_Task description_
In the listing below, locate the lines bearing the word "solar". Copy every one of them.

_Task inputs_

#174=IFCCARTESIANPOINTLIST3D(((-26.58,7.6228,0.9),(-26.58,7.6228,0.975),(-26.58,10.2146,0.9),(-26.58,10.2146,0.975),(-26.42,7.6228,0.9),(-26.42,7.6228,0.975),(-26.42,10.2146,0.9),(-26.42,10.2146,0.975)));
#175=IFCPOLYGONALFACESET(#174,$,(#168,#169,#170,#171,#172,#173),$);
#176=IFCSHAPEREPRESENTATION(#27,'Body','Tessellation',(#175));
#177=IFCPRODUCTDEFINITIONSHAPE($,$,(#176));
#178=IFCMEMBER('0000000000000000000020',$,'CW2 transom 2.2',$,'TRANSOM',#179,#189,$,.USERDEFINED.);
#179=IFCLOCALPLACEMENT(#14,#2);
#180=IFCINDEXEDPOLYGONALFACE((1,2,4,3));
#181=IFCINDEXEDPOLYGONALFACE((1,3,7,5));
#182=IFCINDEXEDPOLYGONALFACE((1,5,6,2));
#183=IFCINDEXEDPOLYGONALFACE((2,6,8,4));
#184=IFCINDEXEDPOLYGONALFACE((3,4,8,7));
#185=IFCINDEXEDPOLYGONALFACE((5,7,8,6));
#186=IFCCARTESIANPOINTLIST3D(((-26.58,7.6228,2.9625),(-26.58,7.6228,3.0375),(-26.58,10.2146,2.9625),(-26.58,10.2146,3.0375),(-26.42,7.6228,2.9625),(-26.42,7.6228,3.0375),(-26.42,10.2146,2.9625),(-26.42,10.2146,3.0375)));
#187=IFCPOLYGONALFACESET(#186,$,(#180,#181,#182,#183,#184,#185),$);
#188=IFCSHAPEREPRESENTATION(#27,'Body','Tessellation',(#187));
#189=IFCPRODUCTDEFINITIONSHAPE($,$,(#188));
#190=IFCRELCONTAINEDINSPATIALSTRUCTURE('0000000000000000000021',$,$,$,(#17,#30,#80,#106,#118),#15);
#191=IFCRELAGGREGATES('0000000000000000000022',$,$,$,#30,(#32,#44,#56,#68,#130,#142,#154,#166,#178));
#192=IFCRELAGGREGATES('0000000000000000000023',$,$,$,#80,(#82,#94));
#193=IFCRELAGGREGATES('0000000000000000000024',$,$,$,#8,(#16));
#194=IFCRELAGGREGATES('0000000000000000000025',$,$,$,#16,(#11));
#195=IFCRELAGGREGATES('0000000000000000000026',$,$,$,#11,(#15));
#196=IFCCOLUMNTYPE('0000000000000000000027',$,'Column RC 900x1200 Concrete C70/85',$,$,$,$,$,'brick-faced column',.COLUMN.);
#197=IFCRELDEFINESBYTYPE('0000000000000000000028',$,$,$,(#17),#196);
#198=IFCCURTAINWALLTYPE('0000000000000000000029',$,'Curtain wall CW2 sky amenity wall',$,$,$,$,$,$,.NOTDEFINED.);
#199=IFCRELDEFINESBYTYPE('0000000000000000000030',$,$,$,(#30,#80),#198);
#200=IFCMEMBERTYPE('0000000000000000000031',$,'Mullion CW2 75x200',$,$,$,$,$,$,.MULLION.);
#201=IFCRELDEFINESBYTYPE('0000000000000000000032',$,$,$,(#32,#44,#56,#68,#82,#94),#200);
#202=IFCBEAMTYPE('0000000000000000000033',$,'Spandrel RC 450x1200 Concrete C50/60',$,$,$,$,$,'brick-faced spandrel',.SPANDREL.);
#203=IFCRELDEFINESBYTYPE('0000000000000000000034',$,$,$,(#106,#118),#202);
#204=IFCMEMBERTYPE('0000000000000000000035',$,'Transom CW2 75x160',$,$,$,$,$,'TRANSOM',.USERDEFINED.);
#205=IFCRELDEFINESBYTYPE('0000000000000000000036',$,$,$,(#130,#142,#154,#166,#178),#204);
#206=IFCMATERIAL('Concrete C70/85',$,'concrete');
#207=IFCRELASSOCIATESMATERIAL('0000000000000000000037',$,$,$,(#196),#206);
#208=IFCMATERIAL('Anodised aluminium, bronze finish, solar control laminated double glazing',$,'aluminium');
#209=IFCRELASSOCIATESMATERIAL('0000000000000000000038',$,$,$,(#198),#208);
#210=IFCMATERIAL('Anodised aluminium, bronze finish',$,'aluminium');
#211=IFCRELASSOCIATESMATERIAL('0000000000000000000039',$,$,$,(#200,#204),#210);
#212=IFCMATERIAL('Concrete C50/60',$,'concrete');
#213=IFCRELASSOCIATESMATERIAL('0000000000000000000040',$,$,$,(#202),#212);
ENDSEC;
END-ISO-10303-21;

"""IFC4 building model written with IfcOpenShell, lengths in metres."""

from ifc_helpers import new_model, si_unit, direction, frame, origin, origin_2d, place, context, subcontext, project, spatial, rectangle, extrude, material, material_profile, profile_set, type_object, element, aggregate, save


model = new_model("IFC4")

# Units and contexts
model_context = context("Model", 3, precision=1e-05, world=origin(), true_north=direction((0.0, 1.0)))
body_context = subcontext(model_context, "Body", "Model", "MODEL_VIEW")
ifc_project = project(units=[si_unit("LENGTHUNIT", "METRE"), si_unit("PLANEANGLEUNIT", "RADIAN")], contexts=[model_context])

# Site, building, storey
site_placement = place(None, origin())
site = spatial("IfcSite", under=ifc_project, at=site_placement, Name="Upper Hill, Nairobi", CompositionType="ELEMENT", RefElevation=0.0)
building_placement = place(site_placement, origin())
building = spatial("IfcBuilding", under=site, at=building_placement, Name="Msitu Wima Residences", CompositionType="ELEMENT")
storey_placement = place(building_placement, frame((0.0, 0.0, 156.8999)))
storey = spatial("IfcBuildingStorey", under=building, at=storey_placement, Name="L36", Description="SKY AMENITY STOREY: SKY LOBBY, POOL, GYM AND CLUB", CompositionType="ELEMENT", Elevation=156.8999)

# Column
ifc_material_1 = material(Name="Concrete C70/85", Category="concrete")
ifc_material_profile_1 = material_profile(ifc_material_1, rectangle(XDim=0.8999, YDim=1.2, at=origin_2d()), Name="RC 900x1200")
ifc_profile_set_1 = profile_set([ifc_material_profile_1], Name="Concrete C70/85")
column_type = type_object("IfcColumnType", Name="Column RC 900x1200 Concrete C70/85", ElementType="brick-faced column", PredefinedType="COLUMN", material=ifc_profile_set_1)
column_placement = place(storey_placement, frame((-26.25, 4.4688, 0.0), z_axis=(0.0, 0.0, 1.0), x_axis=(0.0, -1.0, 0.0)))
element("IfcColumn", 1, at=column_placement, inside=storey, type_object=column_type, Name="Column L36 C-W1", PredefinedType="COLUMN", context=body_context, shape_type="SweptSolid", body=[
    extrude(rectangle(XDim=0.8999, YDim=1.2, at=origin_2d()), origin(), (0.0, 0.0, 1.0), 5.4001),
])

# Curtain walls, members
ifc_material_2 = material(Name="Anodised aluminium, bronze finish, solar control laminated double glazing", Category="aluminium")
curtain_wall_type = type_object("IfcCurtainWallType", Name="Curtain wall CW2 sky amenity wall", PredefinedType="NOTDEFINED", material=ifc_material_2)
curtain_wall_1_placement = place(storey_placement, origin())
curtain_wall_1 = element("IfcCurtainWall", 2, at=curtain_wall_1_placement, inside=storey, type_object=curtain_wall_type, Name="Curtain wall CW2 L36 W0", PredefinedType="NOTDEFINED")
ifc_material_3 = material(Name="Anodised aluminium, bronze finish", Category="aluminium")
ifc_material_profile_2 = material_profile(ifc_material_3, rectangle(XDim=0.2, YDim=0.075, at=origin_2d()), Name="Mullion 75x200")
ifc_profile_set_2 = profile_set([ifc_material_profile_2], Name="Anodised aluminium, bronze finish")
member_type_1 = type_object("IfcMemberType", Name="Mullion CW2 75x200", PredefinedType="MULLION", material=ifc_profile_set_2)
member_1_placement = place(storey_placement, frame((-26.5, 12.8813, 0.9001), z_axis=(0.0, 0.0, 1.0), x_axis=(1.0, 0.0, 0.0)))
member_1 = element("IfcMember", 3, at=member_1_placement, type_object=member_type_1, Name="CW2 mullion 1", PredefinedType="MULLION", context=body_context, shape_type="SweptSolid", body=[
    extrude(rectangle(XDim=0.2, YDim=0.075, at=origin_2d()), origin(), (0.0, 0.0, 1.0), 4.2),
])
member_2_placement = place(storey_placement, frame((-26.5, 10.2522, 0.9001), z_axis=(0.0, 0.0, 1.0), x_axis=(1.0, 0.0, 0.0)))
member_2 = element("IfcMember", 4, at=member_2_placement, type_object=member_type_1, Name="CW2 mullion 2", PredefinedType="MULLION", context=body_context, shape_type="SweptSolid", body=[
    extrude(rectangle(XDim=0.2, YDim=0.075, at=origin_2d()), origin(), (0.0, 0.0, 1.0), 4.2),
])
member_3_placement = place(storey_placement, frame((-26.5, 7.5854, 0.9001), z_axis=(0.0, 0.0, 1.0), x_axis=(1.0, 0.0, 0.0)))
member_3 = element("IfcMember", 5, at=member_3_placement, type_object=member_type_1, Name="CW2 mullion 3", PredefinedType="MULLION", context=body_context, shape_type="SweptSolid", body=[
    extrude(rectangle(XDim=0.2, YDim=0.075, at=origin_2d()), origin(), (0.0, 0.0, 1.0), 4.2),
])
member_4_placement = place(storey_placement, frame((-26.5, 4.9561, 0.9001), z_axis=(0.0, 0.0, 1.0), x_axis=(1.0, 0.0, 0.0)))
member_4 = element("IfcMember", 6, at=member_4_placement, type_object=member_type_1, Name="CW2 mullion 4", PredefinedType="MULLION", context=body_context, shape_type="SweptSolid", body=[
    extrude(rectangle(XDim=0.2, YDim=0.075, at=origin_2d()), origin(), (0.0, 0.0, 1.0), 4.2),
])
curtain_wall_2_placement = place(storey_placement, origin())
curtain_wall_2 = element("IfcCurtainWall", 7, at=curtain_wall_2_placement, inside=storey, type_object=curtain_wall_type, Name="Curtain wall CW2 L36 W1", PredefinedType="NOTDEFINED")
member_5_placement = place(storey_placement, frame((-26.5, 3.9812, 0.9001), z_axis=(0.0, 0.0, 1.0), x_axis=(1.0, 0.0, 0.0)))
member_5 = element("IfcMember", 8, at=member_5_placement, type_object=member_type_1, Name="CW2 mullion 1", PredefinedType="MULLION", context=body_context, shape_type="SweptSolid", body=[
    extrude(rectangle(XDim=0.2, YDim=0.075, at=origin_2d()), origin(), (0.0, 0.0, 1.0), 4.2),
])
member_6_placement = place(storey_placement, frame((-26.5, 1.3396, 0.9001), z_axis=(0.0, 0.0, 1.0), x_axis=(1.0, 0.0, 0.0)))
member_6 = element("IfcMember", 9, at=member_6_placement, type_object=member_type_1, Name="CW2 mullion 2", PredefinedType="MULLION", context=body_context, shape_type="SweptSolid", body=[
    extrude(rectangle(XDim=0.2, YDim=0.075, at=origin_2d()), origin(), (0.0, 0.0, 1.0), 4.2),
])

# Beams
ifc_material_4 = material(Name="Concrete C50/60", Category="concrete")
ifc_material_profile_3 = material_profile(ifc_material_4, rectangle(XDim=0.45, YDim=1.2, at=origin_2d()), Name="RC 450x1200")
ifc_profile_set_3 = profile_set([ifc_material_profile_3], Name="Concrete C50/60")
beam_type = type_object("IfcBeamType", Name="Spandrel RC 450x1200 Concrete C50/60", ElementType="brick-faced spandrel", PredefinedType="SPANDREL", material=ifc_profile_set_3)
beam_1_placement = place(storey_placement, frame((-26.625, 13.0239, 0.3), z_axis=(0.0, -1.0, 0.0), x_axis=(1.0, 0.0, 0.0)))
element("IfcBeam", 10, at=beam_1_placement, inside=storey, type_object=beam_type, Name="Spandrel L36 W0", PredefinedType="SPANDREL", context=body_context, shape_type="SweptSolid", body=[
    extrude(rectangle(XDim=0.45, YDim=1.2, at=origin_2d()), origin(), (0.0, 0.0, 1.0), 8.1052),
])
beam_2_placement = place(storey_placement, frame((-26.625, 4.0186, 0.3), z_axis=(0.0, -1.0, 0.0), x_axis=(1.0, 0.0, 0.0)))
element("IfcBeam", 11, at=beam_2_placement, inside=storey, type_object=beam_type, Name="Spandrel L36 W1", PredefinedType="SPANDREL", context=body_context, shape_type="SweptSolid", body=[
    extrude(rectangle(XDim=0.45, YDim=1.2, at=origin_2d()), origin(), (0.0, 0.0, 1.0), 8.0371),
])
...
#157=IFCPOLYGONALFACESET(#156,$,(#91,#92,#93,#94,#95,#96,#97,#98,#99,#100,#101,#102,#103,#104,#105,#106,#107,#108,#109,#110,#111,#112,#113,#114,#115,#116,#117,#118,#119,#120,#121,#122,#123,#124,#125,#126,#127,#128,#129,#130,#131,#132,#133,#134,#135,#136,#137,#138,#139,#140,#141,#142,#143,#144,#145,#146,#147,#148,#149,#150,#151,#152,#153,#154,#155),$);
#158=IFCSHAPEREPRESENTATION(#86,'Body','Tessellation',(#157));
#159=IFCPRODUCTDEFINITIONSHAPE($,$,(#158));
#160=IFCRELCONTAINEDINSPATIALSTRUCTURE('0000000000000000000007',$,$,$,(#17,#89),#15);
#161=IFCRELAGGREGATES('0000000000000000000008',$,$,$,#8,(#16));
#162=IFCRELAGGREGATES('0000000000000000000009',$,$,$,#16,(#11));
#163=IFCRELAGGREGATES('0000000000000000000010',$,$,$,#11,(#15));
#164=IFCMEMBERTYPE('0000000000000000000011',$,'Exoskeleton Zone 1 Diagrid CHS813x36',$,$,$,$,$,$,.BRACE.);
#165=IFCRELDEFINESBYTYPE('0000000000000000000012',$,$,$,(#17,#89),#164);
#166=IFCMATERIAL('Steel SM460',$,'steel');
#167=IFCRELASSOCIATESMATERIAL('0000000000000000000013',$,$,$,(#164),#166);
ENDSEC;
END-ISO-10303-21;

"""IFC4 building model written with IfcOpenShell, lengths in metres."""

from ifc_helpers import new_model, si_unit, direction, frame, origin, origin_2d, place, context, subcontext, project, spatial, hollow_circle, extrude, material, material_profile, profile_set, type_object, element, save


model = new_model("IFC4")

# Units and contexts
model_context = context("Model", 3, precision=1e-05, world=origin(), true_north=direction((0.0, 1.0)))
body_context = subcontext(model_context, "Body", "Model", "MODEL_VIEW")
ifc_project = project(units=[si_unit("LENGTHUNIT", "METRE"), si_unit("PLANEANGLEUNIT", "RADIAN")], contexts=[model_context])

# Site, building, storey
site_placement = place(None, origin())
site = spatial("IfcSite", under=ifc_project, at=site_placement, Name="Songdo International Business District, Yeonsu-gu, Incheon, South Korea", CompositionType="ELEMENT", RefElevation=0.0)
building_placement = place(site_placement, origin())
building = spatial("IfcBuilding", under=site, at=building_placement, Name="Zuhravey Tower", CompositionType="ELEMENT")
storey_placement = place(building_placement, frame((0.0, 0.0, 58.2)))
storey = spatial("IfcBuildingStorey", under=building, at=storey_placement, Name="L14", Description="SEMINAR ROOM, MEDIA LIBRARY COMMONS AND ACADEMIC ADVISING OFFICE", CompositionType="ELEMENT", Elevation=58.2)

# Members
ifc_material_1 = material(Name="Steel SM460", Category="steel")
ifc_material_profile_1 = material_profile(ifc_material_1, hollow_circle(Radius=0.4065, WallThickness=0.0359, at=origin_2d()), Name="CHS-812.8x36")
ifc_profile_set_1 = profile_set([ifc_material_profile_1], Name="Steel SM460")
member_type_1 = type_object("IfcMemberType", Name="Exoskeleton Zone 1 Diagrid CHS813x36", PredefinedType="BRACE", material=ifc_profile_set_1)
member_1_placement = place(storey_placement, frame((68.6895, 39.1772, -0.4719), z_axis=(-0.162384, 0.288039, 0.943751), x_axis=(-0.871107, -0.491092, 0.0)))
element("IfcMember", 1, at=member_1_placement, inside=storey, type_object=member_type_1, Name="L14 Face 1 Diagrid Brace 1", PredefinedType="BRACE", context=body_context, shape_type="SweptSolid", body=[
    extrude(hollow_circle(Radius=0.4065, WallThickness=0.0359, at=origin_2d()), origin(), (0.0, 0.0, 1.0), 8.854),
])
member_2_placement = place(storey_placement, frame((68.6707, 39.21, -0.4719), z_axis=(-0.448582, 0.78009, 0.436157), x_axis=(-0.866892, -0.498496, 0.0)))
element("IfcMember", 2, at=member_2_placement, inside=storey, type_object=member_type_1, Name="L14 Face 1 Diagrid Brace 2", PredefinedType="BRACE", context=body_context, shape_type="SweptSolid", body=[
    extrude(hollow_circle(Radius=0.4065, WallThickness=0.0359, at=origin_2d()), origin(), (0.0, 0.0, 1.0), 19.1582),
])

_Solution_
#208=IFCMATERIAL('Anodised aluminium, bronze finish, solar control laminated double glazing',$,'aluminium');
ifc_material_2 = material(Name="Anodised aluminium, bronze finish, solar control laminated double glazing", Category="aluminium")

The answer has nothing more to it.